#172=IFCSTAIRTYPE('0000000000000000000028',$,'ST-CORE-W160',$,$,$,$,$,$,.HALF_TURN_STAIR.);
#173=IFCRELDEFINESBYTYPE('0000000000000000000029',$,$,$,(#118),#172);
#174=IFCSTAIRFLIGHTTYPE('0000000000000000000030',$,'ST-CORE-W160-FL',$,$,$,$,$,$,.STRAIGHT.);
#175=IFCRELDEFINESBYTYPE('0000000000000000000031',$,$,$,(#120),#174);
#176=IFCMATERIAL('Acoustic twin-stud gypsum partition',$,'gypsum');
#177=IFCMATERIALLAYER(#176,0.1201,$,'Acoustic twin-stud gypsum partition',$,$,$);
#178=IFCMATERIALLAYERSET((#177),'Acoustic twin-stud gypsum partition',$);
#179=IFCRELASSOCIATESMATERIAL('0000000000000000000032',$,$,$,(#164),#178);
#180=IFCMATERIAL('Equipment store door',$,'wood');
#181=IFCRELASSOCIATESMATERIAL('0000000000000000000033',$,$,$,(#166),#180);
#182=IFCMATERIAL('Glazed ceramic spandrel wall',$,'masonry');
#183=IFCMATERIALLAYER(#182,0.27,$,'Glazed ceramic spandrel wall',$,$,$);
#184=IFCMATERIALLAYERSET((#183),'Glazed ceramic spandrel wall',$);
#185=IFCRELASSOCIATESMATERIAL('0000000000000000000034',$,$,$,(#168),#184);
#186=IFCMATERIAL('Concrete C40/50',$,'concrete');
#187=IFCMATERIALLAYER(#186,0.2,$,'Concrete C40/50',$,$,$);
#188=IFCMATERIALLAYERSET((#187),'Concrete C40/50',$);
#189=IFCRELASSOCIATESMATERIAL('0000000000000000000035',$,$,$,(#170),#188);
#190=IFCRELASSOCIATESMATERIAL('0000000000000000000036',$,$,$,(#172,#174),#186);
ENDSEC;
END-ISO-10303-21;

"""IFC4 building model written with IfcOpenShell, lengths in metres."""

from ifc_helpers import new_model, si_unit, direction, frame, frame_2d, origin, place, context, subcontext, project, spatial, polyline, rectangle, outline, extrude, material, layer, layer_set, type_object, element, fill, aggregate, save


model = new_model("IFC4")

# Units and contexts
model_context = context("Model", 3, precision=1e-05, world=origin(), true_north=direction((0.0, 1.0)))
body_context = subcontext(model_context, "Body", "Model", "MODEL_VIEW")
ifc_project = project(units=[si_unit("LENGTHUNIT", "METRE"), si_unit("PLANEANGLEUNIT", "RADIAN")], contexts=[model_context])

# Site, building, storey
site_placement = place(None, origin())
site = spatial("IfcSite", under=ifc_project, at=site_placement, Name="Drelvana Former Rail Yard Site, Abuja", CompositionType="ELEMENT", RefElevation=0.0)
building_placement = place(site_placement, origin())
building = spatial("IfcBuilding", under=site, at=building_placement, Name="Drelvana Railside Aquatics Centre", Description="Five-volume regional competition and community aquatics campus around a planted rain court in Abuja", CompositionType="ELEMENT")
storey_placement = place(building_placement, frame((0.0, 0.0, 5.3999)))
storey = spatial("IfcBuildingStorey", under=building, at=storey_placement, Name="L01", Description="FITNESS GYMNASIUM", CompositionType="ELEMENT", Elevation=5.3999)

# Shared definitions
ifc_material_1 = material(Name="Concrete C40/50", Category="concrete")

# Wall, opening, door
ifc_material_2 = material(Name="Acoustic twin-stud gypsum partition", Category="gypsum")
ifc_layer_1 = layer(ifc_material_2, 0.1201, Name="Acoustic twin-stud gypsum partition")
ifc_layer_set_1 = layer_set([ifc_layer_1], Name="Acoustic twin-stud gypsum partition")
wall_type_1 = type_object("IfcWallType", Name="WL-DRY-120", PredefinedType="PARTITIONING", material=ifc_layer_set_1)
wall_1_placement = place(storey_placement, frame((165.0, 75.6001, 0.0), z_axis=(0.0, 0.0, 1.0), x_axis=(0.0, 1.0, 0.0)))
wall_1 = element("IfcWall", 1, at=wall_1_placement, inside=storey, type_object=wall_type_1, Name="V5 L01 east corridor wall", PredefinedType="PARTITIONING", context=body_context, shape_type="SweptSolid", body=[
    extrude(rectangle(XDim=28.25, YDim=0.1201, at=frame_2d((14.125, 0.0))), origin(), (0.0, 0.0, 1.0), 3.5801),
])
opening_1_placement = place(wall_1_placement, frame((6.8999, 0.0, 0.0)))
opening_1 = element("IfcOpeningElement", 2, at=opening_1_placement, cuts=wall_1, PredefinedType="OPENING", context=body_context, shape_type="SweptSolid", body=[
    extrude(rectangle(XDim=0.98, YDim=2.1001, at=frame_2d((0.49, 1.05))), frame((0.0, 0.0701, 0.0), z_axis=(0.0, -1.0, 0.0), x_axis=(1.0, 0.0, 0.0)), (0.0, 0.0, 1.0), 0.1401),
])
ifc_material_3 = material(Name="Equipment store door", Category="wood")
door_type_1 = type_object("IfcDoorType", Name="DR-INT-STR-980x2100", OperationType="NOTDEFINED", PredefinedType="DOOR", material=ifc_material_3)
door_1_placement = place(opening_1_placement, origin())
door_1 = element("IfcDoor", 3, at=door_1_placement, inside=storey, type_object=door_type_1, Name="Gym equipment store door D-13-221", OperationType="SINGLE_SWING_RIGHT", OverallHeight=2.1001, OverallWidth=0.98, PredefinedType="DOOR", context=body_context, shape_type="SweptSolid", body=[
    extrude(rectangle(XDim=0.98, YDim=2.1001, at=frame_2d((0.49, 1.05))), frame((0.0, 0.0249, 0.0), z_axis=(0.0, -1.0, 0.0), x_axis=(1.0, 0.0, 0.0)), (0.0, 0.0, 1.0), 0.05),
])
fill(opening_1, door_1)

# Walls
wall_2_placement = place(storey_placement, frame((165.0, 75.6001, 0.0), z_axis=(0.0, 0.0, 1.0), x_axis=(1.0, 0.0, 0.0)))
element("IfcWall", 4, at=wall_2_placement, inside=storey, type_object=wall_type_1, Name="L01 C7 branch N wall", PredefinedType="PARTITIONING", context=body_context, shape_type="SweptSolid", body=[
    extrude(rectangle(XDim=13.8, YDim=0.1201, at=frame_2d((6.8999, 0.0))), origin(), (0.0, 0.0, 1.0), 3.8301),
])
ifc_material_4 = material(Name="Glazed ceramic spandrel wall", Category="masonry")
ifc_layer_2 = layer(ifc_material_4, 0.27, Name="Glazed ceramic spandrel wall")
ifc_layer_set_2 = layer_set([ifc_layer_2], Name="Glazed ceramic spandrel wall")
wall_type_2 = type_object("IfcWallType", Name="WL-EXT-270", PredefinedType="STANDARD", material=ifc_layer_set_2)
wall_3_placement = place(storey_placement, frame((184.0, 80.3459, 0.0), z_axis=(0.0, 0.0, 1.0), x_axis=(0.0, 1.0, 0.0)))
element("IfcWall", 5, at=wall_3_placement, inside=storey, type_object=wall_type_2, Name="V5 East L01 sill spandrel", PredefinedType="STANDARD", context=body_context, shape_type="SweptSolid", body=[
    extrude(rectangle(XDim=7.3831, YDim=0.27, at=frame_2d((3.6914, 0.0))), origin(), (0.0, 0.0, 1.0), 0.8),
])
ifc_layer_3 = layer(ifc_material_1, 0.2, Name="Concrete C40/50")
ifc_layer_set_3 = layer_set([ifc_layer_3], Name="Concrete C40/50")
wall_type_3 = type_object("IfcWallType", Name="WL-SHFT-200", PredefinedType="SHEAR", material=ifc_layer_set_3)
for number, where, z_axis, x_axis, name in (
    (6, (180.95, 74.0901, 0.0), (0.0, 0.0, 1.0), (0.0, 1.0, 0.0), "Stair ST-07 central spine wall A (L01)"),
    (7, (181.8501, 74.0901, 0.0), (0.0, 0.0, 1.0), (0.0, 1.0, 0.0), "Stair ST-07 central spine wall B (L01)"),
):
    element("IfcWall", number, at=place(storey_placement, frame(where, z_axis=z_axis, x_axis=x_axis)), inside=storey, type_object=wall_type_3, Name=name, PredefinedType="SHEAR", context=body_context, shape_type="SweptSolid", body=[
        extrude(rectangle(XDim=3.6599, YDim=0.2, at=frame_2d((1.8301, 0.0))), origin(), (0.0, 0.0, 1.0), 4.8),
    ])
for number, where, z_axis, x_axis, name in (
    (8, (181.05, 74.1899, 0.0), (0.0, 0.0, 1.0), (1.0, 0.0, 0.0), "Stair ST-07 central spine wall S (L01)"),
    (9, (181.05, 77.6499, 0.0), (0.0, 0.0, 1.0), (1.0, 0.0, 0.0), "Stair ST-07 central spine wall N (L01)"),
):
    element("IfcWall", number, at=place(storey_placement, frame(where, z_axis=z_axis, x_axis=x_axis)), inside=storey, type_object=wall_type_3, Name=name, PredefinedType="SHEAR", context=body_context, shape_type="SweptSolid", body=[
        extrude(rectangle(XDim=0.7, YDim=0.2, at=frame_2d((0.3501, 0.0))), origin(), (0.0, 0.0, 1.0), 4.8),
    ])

**INSTRUCTIONS TO FOLLOW:**
Return every line in the listing that contains the word "CORE".

**PROBLEM SOLUTION:**
#172=IFCSTAIRTYPE('0000000000000000000028',$,'ST-CORE-W160',$,$,$,$,$,$,.HALF_TURN_STAIR.);
#174=IFCSTAIRFLIGHTTYPE('0000000000000000000030',$,'ST-CORE-W160-FL',$,$,$,$,$,$,.STRAIGHT.);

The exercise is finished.